Segment Start: The data
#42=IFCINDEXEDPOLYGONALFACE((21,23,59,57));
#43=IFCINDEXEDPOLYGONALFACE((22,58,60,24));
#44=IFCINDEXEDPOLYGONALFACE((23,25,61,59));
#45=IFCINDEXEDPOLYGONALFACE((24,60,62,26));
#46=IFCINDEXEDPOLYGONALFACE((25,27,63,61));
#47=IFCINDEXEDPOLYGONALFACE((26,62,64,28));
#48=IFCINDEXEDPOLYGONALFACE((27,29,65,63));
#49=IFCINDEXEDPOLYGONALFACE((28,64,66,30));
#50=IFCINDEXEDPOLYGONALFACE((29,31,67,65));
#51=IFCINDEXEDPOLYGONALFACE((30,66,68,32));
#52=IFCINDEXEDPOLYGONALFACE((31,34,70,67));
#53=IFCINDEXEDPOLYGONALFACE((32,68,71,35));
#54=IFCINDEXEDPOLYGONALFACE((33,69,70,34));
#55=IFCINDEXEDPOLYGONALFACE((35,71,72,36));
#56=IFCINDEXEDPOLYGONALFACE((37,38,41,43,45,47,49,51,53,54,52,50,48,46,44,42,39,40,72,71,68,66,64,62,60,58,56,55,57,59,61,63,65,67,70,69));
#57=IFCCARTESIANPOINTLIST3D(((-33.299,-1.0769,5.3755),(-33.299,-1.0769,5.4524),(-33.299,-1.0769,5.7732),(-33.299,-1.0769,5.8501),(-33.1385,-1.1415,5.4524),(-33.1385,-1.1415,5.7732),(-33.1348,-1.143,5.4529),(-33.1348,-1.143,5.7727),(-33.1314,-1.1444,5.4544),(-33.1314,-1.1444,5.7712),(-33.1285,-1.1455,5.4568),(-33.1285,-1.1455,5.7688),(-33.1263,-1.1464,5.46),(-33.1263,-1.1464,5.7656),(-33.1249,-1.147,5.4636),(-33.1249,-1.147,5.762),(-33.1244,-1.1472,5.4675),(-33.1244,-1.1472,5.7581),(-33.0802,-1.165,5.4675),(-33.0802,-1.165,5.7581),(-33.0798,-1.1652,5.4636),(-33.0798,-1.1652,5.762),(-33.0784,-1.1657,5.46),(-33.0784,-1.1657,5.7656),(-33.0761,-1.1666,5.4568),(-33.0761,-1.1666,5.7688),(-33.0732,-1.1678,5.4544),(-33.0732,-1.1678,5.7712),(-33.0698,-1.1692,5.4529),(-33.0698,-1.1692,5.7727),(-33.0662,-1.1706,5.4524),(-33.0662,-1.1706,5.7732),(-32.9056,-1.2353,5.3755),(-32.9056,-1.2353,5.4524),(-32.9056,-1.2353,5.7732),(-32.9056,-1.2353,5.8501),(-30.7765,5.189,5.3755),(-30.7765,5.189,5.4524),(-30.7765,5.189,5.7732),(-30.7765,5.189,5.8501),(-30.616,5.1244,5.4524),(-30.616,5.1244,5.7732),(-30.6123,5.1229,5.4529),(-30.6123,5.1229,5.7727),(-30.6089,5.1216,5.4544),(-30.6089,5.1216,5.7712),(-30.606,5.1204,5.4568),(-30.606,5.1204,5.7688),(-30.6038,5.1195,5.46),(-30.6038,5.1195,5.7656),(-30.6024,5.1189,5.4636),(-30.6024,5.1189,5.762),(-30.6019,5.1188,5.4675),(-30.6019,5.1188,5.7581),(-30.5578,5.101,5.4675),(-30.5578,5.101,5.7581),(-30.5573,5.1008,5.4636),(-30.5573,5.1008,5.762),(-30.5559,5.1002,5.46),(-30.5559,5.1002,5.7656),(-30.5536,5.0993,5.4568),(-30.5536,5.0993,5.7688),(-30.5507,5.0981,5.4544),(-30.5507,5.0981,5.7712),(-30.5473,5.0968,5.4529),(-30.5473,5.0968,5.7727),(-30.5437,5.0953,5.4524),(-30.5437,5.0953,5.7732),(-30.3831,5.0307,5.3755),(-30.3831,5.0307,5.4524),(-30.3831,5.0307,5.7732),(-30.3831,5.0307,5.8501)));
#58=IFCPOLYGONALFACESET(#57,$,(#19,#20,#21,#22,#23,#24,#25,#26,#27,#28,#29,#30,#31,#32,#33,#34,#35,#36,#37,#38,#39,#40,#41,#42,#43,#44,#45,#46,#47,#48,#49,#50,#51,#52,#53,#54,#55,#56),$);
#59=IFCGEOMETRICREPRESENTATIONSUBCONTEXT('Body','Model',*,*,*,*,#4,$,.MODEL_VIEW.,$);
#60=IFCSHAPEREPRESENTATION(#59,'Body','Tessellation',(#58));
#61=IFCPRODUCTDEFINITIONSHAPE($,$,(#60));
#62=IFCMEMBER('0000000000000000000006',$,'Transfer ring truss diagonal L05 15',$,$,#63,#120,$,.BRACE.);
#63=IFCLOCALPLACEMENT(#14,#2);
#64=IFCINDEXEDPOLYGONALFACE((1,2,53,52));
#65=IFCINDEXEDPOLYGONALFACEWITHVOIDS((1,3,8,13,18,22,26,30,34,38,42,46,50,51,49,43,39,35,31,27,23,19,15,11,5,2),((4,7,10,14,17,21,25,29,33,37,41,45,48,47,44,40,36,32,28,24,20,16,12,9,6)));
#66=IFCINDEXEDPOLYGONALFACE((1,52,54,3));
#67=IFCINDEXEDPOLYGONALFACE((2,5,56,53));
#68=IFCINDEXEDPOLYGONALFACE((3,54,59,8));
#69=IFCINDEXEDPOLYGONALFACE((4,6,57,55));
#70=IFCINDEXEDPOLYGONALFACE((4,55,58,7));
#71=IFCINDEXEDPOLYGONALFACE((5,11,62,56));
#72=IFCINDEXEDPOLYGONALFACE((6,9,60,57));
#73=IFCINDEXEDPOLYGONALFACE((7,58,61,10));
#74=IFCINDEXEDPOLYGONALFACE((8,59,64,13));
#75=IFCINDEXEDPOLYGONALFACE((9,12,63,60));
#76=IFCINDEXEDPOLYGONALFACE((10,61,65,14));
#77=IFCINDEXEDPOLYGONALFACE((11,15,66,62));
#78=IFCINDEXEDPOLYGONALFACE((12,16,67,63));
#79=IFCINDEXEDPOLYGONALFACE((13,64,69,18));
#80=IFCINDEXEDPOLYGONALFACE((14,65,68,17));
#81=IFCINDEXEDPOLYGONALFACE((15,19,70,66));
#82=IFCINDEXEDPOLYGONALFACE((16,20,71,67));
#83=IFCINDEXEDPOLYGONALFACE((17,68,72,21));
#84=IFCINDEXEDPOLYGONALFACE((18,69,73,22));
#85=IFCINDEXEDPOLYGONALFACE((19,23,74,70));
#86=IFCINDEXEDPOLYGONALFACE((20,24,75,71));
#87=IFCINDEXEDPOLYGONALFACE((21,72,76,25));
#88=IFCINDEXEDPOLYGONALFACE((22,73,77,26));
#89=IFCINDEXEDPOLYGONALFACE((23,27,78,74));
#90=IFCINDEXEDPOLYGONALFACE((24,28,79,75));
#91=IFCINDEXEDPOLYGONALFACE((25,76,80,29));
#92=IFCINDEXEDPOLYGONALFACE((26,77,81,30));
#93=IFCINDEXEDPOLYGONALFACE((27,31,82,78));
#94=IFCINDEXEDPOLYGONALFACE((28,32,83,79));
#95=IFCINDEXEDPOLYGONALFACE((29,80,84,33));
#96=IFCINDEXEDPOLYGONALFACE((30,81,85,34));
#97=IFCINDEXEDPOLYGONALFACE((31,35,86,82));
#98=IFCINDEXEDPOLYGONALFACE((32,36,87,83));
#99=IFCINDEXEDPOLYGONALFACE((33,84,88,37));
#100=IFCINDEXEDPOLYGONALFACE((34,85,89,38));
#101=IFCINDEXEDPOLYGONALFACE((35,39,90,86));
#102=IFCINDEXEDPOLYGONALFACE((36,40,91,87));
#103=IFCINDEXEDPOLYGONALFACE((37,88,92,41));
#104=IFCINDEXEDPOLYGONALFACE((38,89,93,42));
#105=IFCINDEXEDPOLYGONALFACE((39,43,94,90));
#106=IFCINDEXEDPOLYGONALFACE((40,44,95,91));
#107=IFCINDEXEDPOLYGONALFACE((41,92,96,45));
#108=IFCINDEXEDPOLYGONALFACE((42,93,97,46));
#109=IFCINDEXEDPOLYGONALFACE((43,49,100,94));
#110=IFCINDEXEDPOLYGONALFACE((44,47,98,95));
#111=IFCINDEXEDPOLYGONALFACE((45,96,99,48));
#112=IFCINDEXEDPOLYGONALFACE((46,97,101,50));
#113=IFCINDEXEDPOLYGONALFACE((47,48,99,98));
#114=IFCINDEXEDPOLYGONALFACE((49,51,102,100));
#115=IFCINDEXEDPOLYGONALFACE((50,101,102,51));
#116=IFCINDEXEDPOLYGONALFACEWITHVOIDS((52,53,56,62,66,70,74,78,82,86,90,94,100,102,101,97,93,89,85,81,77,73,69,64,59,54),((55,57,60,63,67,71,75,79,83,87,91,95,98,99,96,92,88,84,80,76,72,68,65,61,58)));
Segment End: The data
Instructions to follow
Retype only this range exactly: the first line of the data through the line where "#50=IFCINDEXEDPOLYGONALFACE((29,31,67,65));" appears.

Exercise answer
#42=IFCINDEXEDPOLYGONALFACE((21,23,59,57));
#43=IFCINDEXEDPOLYGONALFACE((22,58,60,24));
#44=IFCINDEXEDPOLYGONALFACE((23,25,61,59));
#45=IFCINDEXEDPOLYGONALFACE((24,60,62,26));
#46=IFCINDEXEDPOLYGONALFACE((25,27,63,61));
#47=IFCINDEXEDPOLYGONALFACE((26,62,64,28));
#48=IFCINDEXEDPOLYGONALFACE((27,29,65,63));
#49=IFCINDEXEDPOLYGONALFACE((28,64,66,30));
#50=IFCINDEXEDPOLYGONALFACE((29,31,67,65));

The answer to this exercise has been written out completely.